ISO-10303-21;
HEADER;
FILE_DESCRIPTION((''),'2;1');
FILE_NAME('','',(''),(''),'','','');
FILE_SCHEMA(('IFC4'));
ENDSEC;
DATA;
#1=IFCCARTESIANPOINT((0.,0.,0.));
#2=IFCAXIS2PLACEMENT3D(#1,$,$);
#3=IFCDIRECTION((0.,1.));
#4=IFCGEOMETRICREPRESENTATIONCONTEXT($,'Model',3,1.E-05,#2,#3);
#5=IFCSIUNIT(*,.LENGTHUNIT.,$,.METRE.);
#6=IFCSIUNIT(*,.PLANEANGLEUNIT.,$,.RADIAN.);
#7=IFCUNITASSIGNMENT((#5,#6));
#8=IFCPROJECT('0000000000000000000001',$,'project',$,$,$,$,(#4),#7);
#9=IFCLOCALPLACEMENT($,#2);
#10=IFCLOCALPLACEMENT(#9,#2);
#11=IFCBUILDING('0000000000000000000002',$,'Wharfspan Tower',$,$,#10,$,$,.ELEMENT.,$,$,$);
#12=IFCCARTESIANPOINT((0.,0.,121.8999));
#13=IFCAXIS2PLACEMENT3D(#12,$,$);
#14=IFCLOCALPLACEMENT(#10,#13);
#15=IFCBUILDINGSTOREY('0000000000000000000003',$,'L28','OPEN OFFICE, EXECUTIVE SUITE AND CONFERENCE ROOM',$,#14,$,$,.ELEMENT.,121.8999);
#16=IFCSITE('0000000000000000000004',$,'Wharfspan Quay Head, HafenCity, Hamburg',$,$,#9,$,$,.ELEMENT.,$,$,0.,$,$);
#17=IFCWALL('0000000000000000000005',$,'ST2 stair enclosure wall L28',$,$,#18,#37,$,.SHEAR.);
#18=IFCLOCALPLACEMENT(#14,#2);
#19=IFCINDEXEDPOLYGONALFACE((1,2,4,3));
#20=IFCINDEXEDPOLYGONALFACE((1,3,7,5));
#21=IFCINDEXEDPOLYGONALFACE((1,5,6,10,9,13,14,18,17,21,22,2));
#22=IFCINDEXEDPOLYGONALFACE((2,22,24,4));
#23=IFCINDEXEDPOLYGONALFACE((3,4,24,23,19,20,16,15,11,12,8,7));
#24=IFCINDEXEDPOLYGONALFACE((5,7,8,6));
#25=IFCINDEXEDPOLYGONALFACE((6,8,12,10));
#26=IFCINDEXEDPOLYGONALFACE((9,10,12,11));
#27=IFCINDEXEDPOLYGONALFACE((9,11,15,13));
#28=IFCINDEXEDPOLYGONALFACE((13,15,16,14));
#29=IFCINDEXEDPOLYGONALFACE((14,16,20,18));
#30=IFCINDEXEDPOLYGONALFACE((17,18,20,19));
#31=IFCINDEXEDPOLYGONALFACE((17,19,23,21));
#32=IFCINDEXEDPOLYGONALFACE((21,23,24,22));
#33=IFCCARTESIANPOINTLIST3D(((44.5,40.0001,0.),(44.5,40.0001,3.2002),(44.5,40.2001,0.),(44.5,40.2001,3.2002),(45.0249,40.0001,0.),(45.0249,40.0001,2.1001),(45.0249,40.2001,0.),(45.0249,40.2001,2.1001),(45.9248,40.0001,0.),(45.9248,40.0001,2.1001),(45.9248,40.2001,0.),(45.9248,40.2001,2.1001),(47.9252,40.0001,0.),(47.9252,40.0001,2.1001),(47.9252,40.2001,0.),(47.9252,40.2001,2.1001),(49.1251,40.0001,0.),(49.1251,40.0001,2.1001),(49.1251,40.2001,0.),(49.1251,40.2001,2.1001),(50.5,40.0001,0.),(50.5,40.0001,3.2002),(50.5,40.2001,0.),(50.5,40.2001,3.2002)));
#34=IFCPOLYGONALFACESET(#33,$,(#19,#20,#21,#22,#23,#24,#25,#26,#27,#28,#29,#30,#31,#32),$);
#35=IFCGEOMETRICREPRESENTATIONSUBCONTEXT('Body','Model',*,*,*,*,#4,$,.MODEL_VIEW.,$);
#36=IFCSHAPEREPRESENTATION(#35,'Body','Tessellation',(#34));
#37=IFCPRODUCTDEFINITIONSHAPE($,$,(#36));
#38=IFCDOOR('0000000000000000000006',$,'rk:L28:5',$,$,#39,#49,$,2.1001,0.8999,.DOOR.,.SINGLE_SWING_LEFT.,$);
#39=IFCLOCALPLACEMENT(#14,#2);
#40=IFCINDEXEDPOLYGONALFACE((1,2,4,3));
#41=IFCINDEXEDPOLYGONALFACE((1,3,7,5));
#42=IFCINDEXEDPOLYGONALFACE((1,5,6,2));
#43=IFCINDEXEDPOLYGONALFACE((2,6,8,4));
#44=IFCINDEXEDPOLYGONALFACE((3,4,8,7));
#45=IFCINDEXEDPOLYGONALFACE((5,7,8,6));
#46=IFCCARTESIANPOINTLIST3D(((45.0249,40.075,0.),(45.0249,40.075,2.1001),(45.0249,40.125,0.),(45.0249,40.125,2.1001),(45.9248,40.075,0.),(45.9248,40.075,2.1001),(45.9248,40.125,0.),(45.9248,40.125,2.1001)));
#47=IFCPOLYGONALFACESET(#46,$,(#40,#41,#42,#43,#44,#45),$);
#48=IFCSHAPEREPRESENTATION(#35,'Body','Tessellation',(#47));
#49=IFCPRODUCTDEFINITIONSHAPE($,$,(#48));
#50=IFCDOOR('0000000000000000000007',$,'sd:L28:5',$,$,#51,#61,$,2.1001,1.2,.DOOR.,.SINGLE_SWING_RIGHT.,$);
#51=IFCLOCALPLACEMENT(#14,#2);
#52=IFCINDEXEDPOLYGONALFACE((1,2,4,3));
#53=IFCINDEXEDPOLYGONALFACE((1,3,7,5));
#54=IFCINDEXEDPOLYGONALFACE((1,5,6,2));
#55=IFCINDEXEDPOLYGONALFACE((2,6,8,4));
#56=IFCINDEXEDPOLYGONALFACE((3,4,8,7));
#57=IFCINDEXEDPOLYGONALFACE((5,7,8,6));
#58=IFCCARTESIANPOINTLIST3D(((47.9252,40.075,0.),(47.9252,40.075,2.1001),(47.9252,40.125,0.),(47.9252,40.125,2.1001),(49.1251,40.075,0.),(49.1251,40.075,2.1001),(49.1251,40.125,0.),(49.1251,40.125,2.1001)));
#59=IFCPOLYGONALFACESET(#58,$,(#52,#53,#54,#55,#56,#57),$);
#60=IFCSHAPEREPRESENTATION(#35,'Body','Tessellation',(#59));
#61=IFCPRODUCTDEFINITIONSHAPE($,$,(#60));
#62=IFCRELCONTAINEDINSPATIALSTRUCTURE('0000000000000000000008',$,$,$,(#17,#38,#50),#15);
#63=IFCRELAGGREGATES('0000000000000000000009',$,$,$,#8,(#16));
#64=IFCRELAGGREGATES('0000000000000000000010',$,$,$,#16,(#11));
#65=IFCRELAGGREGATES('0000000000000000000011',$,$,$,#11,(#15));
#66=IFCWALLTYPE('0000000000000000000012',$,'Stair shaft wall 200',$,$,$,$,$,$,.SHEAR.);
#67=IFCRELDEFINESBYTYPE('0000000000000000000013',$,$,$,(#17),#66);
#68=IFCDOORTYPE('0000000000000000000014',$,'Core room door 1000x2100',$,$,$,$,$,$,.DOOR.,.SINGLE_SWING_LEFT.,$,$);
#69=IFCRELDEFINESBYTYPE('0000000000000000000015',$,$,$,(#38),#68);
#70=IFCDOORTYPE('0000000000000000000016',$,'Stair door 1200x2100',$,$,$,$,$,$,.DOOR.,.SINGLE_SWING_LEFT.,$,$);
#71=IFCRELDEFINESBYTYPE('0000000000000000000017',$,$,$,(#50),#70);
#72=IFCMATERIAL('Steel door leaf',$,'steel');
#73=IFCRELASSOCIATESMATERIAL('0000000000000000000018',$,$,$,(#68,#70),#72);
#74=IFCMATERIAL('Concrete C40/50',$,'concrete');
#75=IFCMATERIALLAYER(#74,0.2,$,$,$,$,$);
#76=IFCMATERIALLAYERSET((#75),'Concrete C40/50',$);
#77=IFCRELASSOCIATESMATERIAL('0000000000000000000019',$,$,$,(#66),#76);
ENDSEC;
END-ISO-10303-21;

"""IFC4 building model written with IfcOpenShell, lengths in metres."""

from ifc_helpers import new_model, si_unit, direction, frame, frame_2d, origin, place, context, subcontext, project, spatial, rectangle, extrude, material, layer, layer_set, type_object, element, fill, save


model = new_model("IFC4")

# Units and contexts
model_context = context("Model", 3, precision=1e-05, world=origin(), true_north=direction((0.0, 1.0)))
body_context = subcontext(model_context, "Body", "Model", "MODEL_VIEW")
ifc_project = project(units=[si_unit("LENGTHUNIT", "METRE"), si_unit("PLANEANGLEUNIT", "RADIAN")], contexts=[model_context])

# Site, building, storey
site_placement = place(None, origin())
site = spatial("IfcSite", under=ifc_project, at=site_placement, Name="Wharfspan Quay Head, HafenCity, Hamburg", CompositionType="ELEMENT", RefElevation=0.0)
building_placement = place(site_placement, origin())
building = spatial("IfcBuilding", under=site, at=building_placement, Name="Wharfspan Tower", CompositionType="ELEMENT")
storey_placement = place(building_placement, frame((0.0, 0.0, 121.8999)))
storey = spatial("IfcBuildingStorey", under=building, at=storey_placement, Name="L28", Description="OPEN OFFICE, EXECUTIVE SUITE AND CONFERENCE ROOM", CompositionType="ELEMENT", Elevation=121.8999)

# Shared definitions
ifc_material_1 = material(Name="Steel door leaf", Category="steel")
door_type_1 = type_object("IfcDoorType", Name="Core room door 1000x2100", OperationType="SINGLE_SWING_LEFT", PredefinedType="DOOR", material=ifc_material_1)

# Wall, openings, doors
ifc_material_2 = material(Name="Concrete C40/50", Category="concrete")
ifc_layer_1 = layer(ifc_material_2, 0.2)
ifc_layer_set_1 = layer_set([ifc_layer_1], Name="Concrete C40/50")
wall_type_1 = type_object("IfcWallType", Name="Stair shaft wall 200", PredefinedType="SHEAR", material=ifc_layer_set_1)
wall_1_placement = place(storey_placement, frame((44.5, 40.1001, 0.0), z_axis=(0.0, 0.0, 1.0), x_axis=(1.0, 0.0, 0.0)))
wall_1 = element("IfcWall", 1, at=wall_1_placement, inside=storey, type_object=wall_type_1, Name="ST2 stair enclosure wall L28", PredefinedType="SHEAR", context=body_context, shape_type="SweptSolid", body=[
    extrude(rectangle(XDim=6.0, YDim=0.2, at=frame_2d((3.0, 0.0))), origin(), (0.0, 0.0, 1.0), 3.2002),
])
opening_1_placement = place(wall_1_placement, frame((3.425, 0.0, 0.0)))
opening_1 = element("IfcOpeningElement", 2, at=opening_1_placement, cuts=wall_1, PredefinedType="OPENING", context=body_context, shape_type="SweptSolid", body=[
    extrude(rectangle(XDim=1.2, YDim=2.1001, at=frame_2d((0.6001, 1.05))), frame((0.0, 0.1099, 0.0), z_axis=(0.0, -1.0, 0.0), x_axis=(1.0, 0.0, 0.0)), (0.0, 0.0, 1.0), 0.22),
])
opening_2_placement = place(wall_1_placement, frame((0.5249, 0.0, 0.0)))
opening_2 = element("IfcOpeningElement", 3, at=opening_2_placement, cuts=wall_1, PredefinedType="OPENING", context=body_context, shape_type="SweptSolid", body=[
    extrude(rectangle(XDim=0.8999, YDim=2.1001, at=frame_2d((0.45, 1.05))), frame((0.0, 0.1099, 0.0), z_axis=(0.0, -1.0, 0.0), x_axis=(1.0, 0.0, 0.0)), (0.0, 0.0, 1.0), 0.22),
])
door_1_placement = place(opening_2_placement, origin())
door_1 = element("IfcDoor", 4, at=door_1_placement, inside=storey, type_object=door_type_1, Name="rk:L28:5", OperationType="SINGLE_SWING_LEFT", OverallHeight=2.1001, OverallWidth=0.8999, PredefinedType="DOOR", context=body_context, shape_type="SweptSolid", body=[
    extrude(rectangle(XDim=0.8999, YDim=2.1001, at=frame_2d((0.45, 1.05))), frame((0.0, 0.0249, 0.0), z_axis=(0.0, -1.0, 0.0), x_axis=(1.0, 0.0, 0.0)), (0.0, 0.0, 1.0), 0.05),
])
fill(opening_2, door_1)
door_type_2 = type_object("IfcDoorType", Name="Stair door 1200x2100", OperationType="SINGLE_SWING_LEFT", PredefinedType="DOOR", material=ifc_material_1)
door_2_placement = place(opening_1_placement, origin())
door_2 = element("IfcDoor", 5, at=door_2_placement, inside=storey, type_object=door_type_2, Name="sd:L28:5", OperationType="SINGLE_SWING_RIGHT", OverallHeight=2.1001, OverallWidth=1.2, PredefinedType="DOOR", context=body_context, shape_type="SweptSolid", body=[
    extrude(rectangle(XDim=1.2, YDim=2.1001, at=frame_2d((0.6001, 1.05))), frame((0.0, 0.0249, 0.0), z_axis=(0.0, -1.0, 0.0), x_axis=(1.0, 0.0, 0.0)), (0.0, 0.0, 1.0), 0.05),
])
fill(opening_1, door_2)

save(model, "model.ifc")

* * * *

TASK GOAL: Extract exactly the leading lines of the data, stopping at and including the line with "#20=IFCINDEXEDPOLYGONALFACE((1,3,7,5));".

WRITTEN ANSWER:
ISO-10303-21;
HEADER;
FILE_DESCRIPTION((''),'2;1');
FILE_NAME('','',(''),(''),'','','');
FILE_SCHEMA(('IFC4'));
ENDSEC;
DATA;
#1=IFCCARTESIANPOINT((0.,0.,0.));
#2=IFCAXIS2PLACEMENT3D(#1,$,$);
#3=IFCDIRECTION((0.,1.));
#4=IFCGEOMETRICREPRESENTATIONCONTEXT($,'Model',3,1.E-05,#2,#3);
#5=IFCSIUNIT(*,.LENGTHUNIT.,$,.METRE.);
#6=IFCSIUNIT(*,.PLANEANGLEUNIT.,$,.RADIAN.);
#7=IFCUNITASSIGNMENT((#5,#6));
#8=IFCPROJECT('0000000000000000000001',$,'project',$,$,$,$,(#4),#7);
#9=IFCLOCALPLACEMENT($,#2);
#10=IFCLOCALPLACEMENT(#9,#2);
#11=IFCBUILDING('0000000000000000000002',$,'Wharfspan Tower',$,$,#10,$,$,.ELEMENT.,$,$,$);
#12=IFCCARTESIANPOINT((0.,0.,121.8999));
#13=IFCAXIS2PLACEMENT3D(#12,$,$);
#14=IFCLOCALPLACEMENT(#10,#13);
#15=IFCBUILDINGSTOREY('0000000000000000000003',$,'L28','OPEN OFFICE, EXECUTIVE SUITE AND CONFERENCE ROOM',$,#14,$,$,.ELEMENT.,121.8999);
#16=IFCSITE('0000000000000000000004',$,'Wharfspan Quay Head, HafenCity, Hamburg',$,$,#9,$,$,.ELEMENT.,$,$,0.,$,$);
#17=IFCWALL('0000000000000000000005',$,'ST2 stair enclosure wall L28',$,$,#18,#37,$,.SHEAR.);
#18=IFCLOCALPLACEMENT(#14,#2);
#19=IFCINDEXEDPOLYGONALFACE((1,2,4,3));
#20=IFCINDEXEDPOLYGONALFACE((1,3,7,5));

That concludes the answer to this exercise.